Data items:
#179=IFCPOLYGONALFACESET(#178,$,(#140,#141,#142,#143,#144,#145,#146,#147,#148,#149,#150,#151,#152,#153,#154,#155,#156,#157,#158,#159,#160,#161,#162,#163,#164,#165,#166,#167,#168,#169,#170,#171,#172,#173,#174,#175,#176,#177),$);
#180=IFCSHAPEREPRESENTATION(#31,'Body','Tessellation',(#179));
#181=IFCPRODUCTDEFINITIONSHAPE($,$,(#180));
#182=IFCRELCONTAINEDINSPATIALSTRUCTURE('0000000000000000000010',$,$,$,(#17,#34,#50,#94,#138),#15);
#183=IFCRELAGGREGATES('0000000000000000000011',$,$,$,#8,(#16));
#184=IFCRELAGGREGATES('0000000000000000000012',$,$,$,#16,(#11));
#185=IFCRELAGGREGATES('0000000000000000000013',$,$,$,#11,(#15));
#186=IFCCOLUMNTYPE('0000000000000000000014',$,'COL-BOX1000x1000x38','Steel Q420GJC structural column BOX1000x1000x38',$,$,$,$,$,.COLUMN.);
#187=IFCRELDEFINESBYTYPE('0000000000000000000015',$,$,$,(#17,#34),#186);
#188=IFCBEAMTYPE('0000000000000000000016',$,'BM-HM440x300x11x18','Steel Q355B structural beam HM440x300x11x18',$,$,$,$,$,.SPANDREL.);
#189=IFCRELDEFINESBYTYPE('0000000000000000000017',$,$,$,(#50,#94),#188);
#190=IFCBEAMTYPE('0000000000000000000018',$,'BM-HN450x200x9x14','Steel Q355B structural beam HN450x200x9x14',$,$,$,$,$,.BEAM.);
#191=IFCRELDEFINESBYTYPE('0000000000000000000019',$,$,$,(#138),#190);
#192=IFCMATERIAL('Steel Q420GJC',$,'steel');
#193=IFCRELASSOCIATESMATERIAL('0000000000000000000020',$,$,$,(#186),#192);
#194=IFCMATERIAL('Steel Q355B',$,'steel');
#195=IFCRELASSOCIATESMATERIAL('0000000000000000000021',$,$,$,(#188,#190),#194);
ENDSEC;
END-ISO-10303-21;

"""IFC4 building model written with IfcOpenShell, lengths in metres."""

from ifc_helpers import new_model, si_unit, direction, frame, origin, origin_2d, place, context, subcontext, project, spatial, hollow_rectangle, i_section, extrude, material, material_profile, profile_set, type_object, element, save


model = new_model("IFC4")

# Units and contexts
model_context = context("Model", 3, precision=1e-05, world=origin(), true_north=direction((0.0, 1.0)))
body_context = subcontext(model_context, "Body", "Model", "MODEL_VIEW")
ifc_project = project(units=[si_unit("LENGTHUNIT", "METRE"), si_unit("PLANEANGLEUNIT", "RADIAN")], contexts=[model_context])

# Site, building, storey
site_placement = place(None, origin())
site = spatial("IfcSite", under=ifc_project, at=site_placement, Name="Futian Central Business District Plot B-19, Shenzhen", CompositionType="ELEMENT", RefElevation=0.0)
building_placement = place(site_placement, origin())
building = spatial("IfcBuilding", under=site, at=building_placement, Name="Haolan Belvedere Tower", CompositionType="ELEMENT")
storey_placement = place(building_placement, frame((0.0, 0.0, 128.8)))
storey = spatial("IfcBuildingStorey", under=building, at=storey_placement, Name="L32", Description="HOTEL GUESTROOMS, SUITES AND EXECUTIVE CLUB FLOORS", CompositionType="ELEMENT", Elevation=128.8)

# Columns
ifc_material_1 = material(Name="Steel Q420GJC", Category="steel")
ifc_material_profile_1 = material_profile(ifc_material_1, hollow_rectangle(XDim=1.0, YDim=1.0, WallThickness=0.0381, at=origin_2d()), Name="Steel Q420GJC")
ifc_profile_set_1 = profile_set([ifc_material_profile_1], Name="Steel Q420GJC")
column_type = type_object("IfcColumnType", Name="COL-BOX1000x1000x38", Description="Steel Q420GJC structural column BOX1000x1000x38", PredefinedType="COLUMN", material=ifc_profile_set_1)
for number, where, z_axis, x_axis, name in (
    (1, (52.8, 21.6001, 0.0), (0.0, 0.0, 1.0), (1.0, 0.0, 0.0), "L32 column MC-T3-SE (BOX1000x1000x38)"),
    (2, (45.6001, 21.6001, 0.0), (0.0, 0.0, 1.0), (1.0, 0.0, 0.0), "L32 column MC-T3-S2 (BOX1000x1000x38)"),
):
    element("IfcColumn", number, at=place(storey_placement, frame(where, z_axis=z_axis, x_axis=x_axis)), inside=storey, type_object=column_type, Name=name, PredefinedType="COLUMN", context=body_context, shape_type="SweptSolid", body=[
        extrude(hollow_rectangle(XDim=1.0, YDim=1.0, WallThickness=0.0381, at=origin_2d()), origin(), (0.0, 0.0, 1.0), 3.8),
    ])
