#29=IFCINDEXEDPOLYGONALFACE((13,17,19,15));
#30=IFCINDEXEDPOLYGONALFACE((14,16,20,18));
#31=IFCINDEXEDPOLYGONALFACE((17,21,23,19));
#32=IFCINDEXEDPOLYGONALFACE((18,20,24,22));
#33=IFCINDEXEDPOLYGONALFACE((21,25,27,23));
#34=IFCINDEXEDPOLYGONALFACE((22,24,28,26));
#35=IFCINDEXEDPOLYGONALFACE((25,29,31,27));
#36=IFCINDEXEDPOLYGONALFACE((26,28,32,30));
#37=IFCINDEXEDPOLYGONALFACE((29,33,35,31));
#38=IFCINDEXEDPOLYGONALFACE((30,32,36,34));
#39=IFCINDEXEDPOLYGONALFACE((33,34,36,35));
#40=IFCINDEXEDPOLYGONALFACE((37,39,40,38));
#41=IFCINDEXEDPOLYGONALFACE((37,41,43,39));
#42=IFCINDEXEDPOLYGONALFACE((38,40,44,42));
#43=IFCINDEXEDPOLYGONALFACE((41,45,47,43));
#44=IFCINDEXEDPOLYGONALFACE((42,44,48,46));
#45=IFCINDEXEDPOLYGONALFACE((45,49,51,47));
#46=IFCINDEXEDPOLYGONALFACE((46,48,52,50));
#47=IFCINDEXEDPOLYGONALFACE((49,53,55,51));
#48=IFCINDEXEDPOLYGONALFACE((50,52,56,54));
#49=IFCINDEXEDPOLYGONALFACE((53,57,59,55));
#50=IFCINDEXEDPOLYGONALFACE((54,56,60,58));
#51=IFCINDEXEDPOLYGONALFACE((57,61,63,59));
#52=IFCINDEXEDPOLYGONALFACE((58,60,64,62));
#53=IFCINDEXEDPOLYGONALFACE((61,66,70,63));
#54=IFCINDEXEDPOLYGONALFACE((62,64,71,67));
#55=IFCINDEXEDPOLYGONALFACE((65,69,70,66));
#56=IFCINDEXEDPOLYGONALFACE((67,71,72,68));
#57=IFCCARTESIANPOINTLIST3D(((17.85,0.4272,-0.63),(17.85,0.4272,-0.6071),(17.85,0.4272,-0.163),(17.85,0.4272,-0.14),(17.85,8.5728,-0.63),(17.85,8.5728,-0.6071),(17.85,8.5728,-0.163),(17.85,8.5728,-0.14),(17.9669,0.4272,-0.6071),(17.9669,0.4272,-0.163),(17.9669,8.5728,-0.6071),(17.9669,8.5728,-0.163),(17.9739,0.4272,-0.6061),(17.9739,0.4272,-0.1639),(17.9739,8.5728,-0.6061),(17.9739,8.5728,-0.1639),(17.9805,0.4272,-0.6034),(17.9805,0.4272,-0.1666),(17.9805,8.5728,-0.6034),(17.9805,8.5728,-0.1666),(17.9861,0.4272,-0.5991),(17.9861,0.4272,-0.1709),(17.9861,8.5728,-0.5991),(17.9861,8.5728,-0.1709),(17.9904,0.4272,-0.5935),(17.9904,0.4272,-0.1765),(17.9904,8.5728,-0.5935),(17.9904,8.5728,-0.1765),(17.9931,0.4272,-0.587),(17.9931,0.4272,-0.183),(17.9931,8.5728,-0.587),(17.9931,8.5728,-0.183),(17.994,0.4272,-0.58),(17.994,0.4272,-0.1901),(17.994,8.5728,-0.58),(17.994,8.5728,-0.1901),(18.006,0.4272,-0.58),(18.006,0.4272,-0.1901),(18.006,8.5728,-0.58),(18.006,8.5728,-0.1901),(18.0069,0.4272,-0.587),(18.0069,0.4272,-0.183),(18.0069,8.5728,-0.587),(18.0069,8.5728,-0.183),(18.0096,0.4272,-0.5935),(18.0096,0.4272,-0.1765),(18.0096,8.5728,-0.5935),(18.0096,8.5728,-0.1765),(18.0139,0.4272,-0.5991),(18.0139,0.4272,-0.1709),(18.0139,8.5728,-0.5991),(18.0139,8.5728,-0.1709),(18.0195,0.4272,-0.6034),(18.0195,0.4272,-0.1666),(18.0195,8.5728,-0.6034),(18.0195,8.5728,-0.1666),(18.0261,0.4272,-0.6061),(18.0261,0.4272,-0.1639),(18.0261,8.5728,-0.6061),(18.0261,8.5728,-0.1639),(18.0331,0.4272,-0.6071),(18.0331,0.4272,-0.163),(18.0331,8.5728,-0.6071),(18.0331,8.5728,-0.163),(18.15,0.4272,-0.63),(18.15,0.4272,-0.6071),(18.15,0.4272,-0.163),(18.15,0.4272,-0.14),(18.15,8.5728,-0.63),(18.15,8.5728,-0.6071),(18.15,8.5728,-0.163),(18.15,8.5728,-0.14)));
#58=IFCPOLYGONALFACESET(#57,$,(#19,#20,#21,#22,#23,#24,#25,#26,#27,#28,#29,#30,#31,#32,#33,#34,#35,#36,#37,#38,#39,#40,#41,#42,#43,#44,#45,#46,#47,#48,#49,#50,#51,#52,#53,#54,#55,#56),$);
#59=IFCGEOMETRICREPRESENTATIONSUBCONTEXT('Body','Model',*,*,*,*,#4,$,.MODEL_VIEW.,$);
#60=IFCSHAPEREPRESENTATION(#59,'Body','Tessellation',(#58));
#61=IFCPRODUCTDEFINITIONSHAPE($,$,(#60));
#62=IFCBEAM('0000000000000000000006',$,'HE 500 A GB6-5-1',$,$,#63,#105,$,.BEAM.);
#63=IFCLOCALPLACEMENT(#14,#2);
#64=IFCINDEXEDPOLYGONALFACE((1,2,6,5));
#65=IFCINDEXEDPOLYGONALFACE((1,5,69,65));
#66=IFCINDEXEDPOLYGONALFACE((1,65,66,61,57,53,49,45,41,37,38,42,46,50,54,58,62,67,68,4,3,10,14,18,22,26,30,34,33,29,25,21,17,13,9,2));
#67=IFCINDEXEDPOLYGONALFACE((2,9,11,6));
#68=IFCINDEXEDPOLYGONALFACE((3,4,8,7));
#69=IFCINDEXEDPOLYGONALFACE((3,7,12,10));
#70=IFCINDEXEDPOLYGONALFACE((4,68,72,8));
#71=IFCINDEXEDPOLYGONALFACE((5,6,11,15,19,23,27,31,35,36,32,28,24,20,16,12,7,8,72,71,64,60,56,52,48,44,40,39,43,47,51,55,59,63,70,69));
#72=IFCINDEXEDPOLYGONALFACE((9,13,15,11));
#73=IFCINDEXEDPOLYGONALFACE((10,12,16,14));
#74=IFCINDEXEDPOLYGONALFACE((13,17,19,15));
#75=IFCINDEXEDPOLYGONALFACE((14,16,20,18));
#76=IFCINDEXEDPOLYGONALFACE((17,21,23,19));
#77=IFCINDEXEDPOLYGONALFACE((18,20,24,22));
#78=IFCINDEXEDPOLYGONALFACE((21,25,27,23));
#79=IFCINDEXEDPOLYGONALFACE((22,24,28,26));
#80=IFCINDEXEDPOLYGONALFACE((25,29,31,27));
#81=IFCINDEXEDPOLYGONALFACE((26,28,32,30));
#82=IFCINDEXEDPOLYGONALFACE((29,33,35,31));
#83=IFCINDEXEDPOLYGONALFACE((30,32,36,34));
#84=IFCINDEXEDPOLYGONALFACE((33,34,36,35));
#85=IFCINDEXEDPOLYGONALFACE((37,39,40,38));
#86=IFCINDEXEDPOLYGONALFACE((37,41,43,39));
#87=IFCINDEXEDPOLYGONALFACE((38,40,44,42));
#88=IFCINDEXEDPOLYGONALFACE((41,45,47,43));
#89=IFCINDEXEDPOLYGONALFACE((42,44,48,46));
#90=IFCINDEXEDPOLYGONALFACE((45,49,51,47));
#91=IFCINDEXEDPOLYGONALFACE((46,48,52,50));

▶ WHAT IS REQUIRED: Starting at the line above that holds "#185=IFCRELAGGREGATES('0000000000000000000013',$,$,$,#11,(#15));" and ending at the line that holds "from ifc_helpers import", transcribe each line exactly and include no other lines.

▶ SOLVED PROBLEM:
#185=IFCRELAGGREGATES('0000000000000000000013',$,$,$,#11,(#15));
#186=IFCCOLUMNTYPE('0000000000000000000014',$,'COL-BOX1000x1000x38','Steel Q420GJC structural column BOX1000x1000x38',$,$,$,$,$,.COLUMN.);
#187=IFCRELDEFINESBYTYPE('0000000000000000000015',$,$,$,(#17,#34),#186);
#188=IFCBEAMTYPE('0000000000000000000016',$,'BM-HM440x300x11x18','Steel Q355B structural beam HM440x300x11x18',$,$,$,$,$,.SPANDREL.);
#189=IFCRELDEFINESBYTYPE('0000000000000000000017',$,$,$,(#50,#94),#188);
#190=IFCBEAMTYPE('0000000000000000000018',$,'BM-HN450x200x9x14','Steel Q355B structural beam HN450x200x9x14',$,$,$,$,$,.BEAM.);
#191=IFCRELDEFINESBYTYPE('0000000000000000000019',$,$,$,(#138),#190);
#192=IFCMATERIAL('Steel Q420GJC',$,'steel');
#193=IFCRELASSOCIATESMATERIAL('0000000000000000000020',$,$,$,(#186),#192);
#194=IFCMATERIAL('Steel Q355B',$,'steel');
#195=IFCRELASSOCIATESMATERIAL('0000000000000000000021',$,$,$,(#188,#190),#194);
ENDSEC;
END-ISO-10303-21;

"""IFC4 building model written with IfcOpenShell, lengths in metres."""

from ifc_helpers import new_model, si_unit, direction, frame, origin, origin_2d, place, context, subcontext, project, spatial, hollow_rectangle, i_section, extrude, material, material_profile, profile_set, type_object, element, save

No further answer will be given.